# Task goal
After reading the entries below, report how many lines have the string "Tarsis" in them, giving the number alone.

─── Given data

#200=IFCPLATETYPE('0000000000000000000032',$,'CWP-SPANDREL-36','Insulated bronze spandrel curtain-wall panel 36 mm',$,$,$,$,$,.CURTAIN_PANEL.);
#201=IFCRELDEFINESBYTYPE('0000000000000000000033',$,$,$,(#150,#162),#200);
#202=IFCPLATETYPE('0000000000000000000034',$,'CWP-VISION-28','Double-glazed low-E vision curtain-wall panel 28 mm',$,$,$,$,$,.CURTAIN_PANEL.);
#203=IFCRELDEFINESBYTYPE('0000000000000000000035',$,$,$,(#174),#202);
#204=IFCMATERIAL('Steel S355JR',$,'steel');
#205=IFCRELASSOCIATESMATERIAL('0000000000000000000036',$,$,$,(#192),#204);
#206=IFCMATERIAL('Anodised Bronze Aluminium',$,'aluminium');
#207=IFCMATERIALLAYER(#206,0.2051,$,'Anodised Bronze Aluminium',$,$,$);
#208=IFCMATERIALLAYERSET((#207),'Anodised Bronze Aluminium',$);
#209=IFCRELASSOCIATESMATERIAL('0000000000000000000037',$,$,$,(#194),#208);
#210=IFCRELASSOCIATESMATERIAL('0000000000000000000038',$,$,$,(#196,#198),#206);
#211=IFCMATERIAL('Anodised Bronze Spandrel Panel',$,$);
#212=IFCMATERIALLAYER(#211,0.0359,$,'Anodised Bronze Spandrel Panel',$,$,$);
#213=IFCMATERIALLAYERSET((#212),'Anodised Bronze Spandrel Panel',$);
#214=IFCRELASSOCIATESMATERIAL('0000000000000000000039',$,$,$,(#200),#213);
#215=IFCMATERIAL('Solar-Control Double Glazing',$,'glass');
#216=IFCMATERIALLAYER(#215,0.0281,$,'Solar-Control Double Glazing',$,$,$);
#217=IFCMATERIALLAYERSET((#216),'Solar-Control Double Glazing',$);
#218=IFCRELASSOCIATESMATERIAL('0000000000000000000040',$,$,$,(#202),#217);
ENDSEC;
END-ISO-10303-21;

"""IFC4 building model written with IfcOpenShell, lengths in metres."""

──────
─── Given data

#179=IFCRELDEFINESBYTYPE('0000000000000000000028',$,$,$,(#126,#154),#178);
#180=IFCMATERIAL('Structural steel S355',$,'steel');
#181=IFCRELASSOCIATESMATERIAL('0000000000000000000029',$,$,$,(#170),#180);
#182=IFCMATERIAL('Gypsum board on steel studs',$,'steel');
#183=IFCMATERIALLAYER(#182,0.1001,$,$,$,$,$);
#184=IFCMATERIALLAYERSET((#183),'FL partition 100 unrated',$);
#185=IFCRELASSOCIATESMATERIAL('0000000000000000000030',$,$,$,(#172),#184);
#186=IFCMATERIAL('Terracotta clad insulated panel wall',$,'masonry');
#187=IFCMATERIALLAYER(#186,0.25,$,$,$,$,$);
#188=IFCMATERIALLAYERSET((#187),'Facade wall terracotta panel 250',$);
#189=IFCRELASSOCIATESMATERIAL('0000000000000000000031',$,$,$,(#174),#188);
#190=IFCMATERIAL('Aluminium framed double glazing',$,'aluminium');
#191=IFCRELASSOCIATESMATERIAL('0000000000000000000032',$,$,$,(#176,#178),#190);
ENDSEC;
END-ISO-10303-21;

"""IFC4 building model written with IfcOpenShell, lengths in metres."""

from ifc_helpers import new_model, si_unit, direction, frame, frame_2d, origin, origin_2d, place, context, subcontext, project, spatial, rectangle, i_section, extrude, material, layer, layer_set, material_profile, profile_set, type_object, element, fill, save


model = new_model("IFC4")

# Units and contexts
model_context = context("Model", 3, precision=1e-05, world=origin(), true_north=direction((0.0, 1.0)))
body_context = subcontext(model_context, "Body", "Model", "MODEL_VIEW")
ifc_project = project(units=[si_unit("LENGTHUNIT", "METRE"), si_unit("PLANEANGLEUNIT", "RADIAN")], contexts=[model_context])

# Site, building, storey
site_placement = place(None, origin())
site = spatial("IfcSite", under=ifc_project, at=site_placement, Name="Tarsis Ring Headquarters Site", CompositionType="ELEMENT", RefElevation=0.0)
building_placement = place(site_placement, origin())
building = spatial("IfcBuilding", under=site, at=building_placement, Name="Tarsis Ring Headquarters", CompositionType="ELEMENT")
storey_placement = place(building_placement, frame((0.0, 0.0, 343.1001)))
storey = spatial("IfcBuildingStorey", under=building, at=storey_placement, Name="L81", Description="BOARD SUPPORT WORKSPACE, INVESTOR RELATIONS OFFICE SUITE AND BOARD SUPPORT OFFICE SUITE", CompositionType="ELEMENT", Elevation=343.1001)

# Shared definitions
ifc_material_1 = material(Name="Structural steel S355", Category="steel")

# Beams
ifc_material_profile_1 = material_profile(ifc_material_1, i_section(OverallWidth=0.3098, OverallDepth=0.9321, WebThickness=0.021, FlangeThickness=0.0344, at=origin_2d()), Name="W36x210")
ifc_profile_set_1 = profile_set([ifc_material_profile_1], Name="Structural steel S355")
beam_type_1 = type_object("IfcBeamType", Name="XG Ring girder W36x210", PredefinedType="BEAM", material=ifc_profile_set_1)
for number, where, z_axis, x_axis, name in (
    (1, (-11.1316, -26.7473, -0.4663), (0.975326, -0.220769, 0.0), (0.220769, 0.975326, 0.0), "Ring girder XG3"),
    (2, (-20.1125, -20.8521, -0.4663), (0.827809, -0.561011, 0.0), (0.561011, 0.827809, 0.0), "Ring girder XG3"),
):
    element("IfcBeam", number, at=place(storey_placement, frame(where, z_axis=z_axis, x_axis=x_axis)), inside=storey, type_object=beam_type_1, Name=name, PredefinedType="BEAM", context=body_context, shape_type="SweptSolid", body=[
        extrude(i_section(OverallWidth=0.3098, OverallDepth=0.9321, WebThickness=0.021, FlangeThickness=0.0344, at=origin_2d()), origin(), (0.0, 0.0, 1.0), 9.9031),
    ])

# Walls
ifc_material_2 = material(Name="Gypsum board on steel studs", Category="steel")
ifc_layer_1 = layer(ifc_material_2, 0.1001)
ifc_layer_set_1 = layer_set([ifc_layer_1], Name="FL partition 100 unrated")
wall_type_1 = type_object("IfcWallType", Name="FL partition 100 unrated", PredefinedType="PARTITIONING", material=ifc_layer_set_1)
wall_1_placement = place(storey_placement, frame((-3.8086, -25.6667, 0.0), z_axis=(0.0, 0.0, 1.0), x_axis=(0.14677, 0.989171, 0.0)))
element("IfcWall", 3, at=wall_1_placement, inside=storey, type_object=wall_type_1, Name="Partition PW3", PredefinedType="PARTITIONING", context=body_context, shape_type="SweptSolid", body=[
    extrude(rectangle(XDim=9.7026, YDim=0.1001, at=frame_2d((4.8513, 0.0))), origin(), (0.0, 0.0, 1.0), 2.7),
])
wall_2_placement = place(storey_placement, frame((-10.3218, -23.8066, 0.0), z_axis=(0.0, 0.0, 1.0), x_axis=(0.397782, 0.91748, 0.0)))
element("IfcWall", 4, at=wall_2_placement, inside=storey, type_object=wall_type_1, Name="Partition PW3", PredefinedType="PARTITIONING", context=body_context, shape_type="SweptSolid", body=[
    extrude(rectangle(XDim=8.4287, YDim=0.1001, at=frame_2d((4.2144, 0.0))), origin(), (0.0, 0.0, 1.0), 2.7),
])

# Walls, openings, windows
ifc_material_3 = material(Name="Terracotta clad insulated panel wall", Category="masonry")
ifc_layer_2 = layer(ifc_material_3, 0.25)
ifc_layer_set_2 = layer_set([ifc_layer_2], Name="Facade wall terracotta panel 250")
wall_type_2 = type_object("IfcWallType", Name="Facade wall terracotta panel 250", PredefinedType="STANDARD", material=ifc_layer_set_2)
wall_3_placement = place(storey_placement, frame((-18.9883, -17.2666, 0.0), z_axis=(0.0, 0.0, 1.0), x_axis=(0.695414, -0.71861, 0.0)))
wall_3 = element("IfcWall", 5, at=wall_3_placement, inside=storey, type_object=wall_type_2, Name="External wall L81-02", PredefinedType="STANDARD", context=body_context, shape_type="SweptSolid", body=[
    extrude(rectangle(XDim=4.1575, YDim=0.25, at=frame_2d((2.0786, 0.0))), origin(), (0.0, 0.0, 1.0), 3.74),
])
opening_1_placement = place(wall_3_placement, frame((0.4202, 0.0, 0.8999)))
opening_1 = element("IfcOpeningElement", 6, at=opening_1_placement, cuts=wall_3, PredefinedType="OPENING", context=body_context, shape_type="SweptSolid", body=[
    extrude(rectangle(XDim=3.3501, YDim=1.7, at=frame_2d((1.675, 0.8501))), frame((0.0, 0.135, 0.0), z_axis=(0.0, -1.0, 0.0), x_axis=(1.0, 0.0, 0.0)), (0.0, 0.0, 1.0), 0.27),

──────

# Your solution
2